(Task description): Exact reproduction required: the lines below from the line with "#110=IFCINDEXEDPOLYGONALFACE((27,28,32,31));" to the line with "#116=IFCINDEXEDPOLYGONALFACE((39,40,42,41));", both ends included, and no others.

(Stored data entries):
>>>
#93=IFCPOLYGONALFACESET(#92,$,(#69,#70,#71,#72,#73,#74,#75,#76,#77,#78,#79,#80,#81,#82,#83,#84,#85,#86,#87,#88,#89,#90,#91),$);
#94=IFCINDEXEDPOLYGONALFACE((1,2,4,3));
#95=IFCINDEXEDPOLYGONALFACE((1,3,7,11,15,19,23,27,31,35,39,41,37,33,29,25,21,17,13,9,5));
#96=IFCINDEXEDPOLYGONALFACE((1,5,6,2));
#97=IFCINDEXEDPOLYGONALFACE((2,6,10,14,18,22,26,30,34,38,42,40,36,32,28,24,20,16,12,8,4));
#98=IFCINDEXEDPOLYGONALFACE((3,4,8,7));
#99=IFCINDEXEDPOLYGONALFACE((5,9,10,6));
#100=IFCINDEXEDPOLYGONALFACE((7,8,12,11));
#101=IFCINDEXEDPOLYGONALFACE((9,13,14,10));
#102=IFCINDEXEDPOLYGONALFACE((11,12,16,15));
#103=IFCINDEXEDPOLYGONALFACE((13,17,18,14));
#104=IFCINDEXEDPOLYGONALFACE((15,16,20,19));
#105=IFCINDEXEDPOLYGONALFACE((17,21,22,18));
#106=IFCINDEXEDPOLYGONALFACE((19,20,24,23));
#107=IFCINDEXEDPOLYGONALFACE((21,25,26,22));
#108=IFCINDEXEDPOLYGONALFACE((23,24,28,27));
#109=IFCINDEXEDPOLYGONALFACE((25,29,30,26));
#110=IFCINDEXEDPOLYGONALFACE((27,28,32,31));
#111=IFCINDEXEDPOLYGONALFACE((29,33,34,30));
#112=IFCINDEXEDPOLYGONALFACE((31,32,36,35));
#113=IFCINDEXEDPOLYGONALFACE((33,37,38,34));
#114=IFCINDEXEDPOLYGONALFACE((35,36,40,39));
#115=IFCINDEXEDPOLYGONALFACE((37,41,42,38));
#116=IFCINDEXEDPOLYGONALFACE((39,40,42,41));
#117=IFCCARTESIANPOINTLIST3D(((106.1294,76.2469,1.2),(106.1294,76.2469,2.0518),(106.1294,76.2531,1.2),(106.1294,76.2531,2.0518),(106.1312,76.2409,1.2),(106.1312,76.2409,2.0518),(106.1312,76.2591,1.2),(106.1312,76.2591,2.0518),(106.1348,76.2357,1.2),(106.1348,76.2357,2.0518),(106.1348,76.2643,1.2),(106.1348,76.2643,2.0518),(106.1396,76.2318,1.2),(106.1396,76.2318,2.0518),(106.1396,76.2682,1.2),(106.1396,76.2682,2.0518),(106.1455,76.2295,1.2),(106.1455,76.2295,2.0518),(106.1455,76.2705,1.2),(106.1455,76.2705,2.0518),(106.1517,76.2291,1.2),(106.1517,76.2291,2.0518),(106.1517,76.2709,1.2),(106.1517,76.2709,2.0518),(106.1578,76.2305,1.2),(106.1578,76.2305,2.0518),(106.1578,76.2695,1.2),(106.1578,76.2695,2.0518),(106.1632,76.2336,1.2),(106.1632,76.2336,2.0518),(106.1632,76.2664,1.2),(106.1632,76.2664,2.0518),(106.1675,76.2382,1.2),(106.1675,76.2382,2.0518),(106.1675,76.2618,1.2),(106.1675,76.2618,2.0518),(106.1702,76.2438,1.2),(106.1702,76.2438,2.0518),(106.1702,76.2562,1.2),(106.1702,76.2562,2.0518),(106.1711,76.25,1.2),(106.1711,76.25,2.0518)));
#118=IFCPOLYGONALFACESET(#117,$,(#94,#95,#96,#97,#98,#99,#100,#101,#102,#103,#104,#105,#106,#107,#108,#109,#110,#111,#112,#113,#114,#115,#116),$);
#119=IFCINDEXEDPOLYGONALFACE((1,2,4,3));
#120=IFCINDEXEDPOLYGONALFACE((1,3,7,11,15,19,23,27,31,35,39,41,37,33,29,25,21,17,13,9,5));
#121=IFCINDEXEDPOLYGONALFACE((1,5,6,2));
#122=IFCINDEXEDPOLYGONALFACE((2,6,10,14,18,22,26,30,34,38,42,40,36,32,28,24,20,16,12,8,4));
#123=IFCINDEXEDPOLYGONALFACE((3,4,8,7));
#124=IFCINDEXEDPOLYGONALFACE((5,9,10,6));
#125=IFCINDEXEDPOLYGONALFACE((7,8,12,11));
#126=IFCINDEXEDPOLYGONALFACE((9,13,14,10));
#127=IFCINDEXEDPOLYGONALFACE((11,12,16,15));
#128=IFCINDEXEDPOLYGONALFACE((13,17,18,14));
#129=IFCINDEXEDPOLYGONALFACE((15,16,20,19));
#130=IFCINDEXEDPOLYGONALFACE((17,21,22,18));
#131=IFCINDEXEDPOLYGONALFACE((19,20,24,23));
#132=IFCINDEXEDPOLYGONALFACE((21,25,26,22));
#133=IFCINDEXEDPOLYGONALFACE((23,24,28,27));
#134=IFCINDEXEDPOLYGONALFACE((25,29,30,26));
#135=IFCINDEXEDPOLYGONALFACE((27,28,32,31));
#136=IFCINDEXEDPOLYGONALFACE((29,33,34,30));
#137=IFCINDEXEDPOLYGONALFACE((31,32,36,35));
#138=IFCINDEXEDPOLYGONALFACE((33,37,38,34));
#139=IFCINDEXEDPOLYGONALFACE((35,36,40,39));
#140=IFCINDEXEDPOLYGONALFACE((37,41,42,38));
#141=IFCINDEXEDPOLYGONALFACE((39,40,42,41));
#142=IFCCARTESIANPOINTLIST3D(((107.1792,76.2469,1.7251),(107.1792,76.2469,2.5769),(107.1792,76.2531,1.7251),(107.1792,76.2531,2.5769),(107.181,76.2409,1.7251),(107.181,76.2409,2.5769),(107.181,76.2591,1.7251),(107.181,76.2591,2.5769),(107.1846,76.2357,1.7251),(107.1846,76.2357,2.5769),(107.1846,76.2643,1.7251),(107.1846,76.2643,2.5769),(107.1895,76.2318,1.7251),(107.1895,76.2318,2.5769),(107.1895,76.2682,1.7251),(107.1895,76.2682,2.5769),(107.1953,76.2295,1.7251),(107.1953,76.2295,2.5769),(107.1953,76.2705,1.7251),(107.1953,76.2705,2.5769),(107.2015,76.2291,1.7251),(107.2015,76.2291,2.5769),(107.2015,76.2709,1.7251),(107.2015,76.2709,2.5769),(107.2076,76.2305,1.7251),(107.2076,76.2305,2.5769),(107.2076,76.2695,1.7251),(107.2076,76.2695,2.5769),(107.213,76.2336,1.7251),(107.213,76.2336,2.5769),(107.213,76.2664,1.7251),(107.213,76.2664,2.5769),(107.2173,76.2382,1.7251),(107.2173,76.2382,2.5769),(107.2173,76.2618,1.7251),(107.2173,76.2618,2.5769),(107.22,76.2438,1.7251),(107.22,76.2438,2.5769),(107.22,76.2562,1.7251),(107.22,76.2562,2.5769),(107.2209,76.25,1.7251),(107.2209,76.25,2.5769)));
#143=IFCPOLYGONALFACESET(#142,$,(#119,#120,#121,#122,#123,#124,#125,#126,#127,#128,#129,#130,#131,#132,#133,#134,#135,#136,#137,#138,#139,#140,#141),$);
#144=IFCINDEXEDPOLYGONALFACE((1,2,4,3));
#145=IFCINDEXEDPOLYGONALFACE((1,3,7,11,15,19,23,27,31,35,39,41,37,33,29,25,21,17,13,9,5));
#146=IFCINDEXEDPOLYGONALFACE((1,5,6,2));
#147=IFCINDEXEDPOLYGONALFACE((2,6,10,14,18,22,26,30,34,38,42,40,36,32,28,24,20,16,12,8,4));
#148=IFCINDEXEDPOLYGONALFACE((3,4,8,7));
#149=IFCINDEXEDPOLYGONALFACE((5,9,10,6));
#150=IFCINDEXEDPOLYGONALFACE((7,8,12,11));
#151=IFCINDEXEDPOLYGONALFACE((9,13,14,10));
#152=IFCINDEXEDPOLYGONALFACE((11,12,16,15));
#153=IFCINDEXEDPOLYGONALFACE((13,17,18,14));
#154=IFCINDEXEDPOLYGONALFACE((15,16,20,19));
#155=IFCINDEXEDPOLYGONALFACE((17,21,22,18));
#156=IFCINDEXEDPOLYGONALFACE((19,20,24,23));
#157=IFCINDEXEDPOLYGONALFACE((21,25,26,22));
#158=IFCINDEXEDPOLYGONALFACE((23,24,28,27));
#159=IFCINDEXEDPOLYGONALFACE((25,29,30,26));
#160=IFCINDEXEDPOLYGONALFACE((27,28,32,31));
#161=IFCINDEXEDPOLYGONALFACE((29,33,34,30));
<<<
(Solved problem):
#110=IFCINDEXEDPOLYGONALFACE((27,28,32,31));
#111=IFCINDEXEDPOLYGONALFACE((29,33,34,30));
#112=IFCINDEXEDPOLYGONALFACE((31,32,36,35));
#113=IFCINDEXEDPOLYGONALFACE((33,37,38,34));
#114=IFCINDEXEDPOLYGONALFACE((35,36,40,39));
#115=IFCINDEXEDPOLYGONALFACE((37,41,42,38));
#116=IFCINDEXEDPOLYGONALFACE((39,40,42,41));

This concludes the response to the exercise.